--- What is needed ---
Your answer should hold every line of the records below that contains the string "inside".

The input START

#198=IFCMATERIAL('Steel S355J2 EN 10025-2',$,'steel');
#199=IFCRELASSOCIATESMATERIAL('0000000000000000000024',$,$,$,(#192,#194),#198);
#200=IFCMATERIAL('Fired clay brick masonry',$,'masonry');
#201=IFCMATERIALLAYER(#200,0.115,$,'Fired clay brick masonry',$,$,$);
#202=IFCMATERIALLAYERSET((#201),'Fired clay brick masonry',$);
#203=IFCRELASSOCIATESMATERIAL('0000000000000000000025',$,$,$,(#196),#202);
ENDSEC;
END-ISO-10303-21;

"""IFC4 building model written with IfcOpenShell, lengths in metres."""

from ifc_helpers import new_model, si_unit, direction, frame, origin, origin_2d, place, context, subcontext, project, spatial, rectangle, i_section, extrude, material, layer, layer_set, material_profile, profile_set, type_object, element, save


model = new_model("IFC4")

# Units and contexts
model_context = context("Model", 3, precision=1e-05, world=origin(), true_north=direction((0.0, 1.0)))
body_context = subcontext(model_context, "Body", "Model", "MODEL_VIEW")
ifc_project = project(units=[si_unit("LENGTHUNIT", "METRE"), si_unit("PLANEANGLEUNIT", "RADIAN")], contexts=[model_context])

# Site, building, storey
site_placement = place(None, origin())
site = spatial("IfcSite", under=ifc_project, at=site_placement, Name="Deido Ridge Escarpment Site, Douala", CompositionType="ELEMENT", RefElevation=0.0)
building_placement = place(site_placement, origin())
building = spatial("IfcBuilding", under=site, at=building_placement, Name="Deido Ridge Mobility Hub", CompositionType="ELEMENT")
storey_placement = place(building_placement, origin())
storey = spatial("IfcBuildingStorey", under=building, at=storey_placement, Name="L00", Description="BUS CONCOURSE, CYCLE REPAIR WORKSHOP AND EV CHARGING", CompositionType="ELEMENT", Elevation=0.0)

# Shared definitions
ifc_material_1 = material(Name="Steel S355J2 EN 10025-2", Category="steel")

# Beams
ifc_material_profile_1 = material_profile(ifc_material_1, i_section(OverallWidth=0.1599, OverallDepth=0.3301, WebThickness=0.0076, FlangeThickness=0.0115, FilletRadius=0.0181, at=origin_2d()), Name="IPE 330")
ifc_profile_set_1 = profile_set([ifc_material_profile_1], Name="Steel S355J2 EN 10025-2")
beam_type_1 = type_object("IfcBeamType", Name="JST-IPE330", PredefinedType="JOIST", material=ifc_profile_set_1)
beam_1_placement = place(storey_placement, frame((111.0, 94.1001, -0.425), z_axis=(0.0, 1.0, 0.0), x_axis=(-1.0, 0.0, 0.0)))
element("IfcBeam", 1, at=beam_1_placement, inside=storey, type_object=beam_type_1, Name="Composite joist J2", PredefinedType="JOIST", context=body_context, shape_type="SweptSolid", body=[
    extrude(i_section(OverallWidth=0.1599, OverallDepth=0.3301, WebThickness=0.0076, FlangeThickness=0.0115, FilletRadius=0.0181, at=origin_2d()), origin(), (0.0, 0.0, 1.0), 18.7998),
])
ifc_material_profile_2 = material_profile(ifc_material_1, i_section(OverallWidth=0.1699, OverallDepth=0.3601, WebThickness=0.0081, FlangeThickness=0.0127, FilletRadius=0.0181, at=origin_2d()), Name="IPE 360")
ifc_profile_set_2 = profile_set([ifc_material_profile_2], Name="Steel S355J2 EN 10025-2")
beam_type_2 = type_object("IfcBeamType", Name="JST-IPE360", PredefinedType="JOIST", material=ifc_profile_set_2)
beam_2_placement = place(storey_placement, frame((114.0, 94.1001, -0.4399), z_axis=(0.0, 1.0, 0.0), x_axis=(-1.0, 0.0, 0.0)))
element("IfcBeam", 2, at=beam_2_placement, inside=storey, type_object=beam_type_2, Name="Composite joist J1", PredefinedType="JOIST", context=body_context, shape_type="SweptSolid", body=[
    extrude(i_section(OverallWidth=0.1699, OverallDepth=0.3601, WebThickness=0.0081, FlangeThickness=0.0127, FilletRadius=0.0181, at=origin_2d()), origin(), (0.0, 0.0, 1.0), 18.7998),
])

The input END
The input START

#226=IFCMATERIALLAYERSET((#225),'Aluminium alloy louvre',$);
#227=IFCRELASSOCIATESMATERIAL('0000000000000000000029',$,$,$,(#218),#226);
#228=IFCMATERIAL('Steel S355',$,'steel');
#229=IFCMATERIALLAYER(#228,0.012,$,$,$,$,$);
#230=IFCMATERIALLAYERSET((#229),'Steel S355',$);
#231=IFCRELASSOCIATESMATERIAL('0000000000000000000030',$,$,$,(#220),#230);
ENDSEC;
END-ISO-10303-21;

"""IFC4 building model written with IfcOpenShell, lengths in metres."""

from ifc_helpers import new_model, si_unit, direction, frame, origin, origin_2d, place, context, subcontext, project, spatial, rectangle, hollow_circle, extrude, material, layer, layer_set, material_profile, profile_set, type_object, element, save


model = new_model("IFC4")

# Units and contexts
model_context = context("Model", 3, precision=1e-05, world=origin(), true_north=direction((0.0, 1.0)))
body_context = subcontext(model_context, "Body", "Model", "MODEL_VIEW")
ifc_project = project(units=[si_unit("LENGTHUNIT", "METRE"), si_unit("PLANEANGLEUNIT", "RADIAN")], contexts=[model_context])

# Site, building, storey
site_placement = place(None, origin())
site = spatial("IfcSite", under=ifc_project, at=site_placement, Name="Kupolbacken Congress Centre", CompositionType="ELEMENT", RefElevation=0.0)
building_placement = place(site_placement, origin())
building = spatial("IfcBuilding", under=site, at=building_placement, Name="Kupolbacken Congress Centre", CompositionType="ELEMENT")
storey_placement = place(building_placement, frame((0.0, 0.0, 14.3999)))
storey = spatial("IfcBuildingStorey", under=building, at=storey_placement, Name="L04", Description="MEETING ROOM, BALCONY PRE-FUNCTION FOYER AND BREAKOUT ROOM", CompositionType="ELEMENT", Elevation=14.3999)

The input END

--- Exercise response ---
element("IfcBeam", 1, at=beam_1_placement, inside=storey, type_object=beam_type_1, Name="Composite joist J2", PredefinedType="JOIST", context=body_context, shape_type="SweptSolid", body=[
element("IfcBeam", 2, at=beam_2_placement, inside=storey, type_object=beam_type_2, Name="Composite joist J1", PredefinedType="JOIST", context=body_context, shape_type="SweptSolid", body=[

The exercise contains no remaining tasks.